══ Records shown ══
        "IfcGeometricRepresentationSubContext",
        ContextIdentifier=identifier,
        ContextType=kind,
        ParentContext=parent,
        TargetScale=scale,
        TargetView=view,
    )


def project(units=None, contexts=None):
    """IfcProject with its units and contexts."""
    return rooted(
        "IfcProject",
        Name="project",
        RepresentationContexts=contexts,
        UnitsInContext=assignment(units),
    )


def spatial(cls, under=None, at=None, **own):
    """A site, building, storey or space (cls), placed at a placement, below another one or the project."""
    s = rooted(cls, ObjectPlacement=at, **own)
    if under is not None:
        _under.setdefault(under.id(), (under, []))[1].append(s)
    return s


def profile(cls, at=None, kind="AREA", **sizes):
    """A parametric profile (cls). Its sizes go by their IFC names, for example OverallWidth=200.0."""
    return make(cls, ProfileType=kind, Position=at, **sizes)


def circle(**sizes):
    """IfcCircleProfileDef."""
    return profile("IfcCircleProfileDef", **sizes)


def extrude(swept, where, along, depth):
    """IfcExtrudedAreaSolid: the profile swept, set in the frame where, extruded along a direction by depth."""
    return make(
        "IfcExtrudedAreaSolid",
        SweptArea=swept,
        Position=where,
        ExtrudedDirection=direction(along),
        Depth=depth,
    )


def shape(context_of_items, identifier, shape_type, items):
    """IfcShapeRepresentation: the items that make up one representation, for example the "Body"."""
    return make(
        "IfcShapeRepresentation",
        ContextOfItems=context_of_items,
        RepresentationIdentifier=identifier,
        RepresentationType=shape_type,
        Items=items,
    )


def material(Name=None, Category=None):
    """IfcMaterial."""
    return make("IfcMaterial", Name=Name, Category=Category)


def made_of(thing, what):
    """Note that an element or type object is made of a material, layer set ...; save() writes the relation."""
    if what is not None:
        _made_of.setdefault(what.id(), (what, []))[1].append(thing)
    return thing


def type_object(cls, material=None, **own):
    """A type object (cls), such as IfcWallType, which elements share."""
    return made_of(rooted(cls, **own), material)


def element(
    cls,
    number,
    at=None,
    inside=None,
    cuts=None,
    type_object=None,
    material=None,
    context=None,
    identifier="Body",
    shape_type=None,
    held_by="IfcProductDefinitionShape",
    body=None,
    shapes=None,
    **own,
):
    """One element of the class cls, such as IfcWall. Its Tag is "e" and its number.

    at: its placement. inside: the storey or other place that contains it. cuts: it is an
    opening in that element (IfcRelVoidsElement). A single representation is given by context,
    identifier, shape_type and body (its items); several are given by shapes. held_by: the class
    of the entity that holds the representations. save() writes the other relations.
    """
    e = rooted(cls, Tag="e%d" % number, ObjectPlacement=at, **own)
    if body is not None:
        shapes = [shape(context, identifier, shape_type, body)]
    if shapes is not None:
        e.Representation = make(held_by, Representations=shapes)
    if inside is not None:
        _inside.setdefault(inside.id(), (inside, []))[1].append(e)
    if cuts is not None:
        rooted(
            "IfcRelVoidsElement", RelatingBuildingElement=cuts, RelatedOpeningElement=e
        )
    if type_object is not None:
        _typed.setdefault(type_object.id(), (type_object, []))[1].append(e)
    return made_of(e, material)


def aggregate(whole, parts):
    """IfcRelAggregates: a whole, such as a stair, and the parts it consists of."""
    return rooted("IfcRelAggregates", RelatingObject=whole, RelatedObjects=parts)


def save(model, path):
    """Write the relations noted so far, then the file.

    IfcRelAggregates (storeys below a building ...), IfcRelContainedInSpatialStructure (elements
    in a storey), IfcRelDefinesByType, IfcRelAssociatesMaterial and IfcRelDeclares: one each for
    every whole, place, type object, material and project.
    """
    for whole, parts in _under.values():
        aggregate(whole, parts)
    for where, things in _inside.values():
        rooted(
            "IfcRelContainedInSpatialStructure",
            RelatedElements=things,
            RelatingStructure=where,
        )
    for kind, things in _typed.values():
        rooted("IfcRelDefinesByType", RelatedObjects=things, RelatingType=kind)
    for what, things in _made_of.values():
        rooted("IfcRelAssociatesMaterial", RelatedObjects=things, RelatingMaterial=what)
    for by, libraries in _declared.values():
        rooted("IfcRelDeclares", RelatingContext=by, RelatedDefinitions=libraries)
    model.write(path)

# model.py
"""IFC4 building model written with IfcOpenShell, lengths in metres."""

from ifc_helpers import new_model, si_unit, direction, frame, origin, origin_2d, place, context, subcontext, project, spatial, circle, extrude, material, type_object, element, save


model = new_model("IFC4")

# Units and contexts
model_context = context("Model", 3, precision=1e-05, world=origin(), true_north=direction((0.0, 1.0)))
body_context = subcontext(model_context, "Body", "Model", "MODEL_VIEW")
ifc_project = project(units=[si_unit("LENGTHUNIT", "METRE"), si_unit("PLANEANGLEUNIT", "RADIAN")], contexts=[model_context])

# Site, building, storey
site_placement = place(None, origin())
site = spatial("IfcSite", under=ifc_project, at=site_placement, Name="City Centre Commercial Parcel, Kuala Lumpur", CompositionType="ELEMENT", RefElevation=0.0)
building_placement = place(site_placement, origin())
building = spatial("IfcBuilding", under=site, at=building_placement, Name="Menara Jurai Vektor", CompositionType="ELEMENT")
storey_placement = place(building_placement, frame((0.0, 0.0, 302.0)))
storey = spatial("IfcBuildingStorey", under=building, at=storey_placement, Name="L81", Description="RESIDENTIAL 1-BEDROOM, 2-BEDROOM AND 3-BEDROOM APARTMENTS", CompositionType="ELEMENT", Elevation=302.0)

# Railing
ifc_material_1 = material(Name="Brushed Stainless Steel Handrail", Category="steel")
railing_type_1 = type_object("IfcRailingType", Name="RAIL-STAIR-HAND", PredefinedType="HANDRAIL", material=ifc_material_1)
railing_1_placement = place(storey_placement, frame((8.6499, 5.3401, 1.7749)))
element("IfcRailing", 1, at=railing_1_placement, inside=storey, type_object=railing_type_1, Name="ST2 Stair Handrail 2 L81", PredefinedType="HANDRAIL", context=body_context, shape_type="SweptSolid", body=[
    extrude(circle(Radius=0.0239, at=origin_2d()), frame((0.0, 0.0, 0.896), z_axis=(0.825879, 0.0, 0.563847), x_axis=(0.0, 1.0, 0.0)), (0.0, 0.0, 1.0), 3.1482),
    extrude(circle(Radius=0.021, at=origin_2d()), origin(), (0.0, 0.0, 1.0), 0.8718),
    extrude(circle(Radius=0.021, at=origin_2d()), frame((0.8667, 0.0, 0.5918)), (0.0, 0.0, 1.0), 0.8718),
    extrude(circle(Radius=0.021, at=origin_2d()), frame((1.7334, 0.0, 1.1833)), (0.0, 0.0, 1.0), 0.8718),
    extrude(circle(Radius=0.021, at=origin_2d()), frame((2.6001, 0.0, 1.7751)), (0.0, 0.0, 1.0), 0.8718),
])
═══
§ What is required
Count how many lines in the data above hold the string "identifier", and give the number with no other words.

§ Output of the task
6